**Task**:
Some lines below hold "IfcExtrudedAreaSolid". Pick them out and copy them.
====== The records ======
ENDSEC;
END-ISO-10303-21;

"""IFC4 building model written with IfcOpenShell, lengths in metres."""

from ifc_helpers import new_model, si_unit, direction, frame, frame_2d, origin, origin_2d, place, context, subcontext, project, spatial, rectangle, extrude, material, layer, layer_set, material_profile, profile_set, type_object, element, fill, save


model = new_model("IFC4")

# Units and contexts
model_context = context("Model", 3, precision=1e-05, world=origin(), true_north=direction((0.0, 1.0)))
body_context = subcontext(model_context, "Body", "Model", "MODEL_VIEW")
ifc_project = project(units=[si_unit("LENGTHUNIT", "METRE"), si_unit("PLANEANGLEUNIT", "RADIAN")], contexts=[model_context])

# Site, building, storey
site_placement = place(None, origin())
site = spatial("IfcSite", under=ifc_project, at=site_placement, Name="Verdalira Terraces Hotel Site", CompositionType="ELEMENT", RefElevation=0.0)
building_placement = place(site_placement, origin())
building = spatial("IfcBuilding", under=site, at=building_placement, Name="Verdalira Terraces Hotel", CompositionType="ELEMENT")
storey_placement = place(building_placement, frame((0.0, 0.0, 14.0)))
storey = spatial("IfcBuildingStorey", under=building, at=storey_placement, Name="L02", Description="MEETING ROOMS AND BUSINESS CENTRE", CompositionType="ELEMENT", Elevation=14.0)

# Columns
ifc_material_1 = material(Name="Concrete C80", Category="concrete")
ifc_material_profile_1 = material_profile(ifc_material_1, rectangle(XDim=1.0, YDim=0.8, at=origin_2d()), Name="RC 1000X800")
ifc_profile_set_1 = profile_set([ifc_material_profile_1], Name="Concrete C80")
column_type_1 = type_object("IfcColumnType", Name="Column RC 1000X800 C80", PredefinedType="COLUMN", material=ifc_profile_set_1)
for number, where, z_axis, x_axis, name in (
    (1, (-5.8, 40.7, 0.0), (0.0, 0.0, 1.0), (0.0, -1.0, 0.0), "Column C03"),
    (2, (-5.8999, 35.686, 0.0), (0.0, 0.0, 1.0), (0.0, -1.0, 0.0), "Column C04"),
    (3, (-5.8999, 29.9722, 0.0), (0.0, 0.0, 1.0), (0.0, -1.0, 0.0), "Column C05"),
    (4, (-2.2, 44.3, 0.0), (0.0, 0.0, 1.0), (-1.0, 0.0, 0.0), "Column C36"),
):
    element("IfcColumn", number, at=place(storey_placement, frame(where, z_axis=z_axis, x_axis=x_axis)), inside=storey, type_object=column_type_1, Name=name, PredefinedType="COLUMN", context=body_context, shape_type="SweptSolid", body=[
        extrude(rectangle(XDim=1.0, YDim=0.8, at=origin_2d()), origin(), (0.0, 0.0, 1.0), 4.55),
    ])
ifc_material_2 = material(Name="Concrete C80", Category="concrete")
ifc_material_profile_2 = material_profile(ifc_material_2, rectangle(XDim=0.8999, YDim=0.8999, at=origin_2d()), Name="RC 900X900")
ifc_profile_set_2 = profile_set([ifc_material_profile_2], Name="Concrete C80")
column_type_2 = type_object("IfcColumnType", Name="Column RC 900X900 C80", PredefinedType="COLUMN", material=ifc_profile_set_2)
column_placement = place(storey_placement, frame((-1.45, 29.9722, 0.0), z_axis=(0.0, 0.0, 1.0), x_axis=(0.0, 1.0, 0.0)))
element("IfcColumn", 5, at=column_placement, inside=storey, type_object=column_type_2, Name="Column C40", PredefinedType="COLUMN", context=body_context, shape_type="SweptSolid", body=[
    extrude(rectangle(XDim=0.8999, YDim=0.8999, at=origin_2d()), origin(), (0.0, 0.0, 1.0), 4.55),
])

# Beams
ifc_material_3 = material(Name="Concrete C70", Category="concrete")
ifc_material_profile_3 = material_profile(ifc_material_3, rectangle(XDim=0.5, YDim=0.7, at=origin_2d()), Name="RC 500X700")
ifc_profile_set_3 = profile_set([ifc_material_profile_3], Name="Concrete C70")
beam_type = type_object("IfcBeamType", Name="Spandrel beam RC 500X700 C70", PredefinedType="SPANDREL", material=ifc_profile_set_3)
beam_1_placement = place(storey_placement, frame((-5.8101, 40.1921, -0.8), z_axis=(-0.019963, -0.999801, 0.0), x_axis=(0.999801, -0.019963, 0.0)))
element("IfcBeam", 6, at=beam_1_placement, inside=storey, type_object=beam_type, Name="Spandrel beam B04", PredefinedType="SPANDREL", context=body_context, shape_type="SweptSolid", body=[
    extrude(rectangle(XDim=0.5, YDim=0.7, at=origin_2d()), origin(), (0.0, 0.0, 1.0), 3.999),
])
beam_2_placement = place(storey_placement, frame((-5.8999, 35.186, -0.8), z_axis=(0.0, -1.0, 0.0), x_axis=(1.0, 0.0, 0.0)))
======
====== The records ======
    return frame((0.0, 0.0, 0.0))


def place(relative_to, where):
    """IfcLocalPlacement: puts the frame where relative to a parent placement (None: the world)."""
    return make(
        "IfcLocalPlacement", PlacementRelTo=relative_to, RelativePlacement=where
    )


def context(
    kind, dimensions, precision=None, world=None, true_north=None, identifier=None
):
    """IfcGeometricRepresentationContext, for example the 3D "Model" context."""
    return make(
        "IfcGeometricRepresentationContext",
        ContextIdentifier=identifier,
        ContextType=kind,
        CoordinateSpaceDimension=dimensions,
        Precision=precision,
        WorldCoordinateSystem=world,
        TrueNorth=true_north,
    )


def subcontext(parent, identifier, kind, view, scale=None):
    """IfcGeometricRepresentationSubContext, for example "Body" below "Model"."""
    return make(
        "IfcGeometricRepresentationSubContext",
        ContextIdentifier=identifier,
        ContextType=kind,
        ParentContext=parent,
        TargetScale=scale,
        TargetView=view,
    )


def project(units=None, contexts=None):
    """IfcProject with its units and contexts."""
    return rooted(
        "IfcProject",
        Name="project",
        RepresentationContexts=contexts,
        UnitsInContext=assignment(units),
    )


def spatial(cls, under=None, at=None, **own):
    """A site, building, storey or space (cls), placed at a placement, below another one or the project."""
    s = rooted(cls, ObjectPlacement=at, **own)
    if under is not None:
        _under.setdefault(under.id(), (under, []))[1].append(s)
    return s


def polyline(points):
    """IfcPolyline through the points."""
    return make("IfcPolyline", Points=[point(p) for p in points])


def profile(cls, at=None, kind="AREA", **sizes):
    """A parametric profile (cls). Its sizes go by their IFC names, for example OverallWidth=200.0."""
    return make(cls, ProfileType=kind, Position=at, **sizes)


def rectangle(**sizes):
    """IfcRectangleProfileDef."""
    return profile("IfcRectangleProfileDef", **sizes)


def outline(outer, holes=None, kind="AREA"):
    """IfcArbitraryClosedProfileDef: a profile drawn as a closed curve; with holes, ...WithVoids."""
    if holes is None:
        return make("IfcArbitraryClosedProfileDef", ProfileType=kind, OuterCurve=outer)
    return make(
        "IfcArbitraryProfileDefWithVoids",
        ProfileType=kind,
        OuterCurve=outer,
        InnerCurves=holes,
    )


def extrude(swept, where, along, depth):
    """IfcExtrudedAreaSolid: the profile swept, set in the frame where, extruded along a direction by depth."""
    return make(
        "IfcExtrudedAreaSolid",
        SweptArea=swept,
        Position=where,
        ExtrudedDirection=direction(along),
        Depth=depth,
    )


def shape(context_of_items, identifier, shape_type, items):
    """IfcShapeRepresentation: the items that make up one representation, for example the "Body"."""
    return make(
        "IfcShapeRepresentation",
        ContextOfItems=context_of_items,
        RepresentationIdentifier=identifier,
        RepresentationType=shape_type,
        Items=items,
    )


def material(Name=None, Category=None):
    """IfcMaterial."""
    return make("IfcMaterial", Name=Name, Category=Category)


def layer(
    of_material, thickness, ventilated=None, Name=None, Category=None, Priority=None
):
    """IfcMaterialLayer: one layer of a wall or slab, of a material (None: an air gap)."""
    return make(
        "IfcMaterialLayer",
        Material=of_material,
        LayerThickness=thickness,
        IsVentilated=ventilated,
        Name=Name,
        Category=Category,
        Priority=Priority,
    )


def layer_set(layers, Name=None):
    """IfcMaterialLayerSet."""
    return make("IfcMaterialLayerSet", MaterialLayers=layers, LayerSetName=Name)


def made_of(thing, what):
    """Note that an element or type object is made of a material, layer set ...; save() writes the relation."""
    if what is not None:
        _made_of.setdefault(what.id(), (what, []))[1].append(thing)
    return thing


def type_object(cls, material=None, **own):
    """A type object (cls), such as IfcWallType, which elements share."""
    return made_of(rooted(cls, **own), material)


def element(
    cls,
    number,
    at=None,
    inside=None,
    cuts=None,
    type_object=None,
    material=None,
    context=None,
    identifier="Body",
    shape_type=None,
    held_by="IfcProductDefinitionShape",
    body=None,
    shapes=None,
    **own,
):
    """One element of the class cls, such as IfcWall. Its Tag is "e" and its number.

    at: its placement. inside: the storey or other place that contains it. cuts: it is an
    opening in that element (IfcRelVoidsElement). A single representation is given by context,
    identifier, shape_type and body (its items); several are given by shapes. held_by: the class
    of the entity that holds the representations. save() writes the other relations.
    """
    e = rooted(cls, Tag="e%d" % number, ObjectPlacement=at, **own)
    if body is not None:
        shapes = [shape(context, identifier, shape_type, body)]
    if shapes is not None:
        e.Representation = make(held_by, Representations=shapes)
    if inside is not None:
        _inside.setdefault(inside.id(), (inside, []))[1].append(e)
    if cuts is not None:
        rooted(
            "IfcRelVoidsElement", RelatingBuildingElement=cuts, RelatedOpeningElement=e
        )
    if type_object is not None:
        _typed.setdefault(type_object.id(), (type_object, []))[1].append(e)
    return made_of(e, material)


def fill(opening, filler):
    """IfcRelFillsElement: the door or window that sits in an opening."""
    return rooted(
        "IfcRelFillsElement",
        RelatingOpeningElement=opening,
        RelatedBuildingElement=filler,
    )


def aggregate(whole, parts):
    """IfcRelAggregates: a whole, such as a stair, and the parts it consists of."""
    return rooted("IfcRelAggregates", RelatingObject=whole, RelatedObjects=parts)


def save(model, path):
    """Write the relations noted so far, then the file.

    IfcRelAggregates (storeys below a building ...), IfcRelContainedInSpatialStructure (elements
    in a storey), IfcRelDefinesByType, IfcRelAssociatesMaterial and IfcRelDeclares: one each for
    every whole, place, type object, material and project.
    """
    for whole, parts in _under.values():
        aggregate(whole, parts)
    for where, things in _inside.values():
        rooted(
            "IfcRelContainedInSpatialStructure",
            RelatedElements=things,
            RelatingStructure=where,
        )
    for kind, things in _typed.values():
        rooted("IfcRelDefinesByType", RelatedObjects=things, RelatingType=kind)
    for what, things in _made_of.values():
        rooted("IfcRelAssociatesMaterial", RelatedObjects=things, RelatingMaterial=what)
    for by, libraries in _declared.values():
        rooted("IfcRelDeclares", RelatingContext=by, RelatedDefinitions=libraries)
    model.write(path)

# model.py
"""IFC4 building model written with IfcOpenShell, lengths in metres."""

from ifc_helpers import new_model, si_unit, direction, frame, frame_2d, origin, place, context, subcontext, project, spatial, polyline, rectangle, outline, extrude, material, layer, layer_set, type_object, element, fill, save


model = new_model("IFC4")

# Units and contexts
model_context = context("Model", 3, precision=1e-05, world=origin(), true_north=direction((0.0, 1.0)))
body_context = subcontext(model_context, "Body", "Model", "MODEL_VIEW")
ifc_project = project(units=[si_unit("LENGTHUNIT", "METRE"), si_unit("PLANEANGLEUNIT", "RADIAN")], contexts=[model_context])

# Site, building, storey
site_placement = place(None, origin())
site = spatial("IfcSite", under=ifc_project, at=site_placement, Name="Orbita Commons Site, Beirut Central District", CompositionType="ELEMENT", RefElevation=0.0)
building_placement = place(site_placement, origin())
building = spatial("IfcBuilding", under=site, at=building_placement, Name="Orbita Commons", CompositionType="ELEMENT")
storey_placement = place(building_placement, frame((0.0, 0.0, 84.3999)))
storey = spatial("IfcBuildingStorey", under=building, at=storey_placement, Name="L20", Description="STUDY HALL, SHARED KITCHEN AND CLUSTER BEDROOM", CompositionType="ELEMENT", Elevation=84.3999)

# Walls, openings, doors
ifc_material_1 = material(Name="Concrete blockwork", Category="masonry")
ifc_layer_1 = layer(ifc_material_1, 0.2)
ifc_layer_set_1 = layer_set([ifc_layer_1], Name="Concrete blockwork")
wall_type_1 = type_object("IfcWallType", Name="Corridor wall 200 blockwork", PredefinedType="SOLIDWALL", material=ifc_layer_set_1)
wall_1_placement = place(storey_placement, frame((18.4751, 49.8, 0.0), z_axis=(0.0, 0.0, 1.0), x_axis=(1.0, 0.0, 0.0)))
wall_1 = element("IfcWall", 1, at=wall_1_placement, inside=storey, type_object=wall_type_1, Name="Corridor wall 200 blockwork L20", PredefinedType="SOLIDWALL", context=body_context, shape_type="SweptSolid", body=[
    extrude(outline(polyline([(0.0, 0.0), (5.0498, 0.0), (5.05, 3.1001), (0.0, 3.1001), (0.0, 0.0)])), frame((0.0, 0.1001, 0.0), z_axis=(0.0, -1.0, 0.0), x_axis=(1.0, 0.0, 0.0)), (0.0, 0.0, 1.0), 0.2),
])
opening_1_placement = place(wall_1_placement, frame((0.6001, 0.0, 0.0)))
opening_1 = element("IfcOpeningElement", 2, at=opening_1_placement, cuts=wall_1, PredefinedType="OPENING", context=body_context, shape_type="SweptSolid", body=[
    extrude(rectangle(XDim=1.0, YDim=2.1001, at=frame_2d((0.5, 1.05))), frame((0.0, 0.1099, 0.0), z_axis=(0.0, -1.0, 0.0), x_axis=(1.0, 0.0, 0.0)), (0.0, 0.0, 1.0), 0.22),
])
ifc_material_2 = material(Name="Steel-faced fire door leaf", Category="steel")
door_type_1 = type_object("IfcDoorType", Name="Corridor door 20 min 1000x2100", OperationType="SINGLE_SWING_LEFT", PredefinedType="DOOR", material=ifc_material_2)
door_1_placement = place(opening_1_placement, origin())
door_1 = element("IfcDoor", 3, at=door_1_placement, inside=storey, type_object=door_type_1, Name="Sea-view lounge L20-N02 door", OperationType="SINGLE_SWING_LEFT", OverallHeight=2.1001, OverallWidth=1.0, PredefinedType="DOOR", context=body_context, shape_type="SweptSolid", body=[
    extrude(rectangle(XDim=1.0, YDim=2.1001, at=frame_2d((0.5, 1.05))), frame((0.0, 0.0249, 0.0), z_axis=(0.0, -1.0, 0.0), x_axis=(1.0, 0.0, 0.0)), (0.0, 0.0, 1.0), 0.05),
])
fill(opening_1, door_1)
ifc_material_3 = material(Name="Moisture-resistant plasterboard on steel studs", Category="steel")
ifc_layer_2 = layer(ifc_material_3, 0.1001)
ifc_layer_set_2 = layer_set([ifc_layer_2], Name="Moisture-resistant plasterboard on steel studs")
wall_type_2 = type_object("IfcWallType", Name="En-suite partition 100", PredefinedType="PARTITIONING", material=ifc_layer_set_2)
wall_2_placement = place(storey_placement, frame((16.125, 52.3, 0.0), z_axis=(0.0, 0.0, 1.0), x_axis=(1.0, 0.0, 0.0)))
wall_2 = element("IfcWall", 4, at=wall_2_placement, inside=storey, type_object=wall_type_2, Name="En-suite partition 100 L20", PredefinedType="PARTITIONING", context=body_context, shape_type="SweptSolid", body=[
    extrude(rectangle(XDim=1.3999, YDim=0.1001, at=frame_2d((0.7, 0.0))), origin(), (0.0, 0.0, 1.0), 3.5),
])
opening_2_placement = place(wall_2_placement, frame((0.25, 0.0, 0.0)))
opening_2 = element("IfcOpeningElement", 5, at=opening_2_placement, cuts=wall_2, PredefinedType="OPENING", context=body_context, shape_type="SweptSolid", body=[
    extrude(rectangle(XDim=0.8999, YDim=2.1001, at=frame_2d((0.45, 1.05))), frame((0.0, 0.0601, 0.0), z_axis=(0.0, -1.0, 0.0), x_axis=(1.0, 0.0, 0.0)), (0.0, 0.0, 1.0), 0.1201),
======
**Task result**:
    """IfcExtrudedAreaSolid: the profile swept, set in the frame where, extruded along a direction by depth."""
        "IfcExtrudedAreaSolid",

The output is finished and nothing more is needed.